* _To do_:
Please return every line in the following data that includes the string "WebThickness".

[Collected data]
..........

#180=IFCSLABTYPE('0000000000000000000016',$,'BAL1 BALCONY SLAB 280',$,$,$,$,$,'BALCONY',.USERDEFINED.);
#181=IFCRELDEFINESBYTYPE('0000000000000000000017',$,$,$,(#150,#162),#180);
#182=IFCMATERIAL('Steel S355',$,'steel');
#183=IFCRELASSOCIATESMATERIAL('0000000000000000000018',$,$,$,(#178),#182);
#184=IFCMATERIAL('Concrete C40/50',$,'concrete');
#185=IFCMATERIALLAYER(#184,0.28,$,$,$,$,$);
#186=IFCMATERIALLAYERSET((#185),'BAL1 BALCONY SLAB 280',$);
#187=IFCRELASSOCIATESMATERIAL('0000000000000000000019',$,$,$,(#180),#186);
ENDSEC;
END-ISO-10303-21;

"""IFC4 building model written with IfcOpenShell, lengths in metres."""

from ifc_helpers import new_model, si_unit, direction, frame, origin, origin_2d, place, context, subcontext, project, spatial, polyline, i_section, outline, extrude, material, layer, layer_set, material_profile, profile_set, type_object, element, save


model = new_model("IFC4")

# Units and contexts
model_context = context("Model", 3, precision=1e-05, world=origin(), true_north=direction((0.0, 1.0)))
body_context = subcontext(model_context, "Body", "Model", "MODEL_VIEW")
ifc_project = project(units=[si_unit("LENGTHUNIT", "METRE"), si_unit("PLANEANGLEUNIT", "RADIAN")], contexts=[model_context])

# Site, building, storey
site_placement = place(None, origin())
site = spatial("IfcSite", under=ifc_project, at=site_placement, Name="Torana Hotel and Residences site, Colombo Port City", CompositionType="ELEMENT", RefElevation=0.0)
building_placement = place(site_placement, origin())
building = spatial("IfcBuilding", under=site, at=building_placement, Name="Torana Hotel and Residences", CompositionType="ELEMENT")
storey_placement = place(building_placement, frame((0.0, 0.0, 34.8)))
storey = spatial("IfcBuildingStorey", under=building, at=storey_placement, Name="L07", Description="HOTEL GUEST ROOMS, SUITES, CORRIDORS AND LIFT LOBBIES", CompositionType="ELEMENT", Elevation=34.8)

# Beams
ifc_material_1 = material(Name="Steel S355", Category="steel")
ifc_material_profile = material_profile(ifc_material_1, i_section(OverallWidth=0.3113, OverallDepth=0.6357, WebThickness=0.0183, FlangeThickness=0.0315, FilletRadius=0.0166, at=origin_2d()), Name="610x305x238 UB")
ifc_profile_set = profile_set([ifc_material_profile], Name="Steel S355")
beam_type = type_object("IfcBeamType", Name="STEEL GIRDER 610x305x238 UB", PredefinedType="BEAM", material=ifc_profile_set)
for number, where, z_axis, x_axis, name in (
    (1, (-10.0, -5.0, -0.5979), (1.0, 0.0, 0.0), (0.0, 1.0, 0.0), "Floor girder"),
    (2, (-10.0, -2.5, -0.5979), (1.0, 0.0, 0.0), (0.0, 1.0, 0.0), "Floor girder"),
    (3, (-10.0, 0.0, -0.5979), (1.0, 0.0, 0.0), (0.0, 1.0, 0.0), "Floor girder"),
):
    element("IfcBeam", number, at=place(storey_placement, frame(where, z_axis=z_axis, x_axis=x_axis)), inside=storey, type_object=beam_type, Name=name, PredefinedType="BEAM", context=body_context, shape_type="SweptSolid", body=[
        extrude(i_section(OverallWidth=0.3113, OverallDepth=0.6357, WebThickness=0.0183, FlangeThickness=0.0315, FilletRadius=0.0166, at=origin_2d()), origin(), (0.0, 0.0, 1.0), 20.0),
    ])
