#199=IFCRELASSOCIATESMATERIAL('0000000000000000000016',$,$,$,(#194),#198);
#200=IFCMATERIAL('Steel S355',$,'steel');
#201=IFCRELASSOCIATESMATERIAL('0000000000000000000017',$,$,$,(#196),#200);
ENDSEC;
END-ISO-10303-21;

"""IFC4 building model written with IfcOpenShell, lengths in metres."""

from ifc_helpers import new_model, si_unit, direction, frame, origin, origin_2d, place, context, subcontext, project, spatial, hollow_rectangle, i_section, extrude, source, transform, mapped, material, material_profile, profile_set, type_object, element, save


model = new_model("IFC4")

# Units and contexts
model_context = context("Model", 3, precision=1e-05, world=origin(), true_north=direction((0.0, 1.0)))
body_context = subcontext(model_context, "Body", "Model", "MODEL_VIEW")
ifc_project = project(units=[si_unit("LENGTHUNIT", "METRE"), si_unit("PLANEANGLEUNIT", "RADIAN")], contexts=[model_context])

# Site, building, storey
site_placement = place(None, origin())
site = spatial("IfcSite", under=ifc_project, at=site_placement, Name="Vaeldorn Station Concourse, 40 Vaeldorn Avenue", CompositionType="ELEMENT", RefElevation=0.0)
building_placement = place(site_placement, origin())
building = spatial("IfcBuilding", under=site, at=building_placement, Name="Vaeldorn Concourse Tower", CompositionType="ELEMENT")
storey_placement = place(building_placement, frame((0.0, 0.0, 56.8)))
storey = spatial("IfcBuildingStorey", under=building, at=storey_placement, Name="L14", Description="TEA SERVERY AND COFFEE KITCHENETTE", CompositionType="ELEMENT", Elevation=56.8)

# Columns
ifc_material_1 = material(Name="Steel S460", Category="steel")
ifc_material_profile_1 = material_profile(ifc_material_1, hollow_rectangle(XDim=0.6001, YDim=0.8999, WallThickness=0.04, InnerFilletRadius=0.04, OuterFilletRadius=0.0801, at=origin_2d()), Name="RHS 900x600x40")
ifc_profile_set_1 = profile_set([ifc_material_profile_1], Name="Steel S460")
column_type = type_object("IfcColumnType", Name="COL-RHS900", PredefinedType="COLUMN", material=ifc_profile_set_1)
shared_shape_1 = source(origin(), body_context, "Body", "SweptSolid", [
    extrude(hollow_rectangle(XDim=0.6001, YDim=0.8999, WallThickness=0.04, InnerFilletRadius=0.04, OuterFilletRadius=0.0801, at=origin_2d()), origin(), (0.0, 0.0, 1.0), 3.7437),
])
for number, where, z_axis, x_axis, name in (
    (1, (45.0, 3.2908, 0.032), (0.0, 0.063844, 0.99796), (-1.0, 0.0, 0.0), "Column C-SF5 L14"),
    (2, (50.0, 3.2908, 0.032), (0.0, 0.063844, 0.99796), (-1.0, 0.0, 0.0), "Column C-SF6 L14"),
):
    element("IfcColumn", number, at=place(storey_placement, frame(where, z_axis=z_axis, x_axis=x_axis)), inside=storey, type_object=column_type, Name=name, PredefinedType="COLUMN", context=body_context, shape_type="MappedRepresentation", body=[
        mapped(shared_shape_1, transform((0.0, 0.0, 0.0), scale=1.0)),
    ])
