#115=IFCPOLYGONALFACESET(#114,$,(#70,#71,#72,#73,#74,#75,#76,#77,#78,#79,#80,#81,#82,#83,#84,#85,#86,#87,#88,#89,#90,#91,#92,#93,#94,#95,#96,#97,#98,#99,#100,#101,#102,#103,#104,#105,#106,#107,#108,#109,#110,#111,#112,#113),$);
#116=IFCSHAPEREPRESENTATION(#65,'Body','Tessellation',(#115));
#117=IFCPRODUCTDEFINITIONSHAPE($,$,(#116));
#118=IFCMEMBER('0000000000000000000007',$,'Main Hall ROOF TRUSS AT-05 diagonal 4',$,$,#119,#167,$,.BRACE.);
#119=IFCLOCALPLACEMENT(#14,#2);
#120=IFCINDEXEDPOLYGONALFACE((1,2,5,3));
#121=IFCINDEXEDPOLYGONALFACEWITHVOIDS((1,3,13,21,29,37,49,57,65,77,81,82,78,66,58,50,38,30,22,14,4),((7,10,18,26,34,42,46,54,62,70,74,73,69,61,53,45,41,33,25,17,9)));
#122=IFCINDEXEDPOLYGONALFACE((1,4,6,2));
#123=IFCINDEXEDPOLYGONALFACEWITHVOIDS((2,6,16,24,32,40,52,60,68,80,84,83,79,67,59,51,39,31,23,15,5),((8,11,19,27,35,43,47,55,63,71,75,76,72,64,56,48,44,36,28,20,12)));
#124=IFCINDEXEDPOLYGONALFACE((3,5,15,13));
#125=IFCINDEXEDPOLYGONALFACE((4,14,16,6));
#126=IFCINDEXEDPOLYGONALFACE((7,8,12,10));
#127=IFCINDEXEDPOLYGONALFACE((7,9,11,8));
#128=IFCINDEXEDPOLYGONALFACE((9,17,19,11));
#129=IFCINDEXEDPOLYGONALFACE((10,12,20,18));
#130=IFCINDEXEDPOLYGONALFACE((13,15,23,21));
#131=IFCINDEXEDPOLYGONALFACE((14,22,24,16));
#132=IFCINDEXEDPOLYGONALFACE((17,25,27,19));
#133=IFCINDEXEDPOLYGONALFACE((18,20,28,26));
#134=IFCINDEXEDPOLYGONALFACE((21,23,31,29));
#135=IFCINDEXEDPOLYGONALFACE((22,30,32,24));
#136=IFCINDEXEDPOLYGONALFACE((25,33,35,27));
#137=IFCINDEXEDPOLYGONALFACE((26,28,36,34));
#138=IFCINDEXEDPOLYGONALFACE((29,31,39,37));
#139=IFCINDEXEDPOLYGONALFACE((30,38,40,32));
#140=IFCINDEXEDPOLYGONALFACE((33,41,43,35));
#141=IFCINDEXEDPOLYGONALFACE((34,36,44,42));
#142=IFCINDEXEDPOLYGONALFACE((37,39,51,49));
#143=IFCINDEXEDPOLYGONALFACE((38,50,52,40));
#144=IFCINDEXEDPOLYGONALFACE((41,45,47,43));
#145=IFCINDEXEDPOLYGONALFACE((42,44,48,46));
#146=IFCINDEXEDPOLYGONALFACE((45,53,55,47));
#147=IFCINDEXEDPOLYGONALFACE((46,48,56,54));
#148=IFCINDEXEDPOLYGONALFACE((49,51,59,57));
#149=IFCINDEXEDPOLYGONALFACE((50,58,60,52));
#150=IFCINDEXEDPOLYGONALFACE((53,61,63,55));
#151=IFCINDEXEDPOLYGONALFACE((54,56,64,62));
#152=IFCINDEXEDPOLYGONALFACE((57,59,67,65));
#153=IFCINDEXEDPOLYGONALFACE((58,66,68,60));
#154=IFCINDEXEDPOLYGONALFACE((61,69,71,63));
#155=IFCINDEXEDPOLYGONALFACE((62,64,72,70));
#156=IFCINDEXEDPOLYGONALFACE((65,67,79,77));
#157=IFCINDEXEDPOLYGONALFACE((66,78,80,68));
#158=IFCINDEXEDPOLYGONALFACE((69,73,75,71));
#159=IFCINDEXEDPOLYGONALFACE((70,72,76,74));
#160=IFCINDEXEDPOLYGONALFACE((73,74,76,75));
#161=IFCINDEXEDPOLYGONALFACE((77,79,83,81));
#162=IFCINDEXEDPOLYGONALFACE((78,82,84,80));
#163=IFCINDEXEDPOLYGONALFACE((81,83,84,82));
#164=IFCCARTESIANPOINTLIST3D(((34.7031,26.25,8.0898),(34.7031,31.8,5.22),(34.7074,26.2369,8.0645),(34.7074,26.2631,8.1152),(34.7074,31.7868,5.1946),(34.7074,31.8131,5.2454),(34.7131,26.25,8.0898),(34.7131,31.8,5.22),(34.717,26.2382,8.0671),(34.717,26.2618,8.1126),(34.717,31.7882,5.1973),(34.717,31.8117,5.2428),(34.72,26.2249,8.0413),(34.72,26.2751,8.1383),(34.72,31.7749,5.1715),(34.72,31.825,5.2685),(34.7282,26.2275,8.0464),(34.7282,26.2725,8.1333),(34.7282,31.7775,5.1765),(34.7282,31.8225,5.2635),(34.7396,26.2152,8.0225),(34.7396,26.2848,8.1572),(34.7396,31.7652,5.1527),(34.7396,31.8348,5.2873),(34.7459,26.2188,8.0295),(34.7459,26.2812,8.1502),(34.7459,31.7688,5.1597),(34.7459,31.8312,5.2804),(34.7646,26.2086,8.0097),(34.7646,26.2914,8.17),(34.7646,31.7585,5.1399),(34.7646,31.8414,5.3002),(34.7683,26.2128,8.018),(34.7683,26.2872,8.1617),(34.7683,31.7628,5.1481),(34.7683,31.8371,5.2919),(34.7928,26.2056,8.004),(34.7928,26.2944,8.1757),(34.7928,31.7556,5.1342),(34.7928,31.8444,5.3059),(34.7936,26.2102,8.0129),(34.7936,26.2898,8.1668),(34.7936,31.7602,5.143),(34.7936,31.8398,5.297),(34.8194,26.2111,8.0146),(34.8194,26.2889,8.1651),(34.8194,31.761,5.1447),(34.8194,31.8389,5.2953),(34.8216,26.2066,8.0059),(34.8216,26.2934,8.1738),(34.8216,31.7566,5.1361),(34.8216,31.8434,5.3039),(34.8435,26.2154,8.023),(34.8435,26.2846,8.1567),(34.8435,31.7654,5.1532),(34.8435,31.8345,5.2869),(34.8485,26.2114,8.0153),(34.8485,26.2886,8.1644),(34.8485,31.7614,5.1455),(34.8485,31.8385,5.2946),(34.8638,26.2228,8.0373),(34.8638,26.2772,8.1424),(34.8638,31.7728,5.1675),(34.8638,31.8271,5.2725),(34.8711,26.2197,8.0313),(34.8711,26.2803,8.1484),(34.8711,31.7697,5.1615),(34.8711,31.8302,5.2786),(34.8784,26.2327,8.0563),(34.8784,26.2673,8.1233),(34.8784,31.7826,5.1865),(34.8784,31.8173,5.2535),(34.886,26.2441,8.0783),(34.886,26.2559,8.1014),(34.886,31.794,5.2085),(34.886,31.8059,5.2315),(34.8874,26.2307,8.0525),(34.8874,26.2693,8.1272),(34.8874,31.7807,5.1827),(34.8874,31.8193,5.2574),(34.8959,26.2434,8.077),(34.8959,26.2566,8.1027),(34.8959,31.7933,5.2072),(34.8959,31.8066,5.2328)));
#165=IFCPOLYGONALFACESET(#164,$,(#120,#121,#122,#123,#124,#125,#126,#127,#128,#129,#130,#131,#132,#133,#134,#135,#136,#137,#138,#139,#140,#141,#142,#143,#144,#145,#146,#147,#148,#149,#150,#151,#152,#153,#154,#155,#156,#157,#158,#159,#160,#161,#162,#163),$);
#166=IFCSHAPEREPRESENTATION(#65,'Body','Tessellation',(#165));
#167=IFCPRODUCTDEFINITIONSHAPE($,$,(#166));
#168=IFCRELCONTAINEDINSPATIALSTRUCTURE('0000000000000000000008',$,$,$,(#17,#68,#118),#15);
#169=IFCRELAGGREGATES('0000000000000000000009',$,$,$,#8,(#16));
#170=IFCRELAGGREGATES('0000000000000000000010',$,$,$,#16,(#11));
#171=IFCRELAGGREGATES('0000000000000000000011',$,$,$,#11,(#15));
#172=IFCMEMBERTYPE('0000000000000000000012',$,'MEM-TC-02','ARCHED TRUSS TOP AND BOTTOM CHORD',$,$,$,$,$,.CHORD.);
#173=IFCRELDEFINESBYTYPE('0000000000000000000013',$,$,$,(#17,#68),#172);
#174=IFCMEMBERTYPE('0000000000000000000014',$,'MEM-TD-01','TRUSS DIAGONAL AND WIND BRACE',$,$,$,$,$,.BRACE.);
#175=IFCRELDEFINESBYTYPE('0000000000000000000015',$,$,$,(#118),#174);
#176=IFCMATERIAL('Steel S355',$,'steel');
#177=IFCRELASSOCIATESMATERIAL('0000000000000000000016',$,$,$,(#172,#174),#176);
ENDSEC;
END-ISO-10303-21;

..........

* _Task output_:
ifc_material_profile = material_profile(ifc_material_1, i_section(OverallWidth=0.3113, OverallDepth=0.6357, WebThickness=0.0183, FlangeThickness=0.0315, FilletRadius=0.0166, at=origin_2d()), Name="610x305x238 UB")
        extrude(i_section(OverallWidth=0.3113, OverallDepth=0.6357, WebThickness=0.0183, FlangeThickness=0.0315, FilletRadius=0.0166, at=origin_2d()), origin(), (0.0, 0.0, 1.0), 20.0),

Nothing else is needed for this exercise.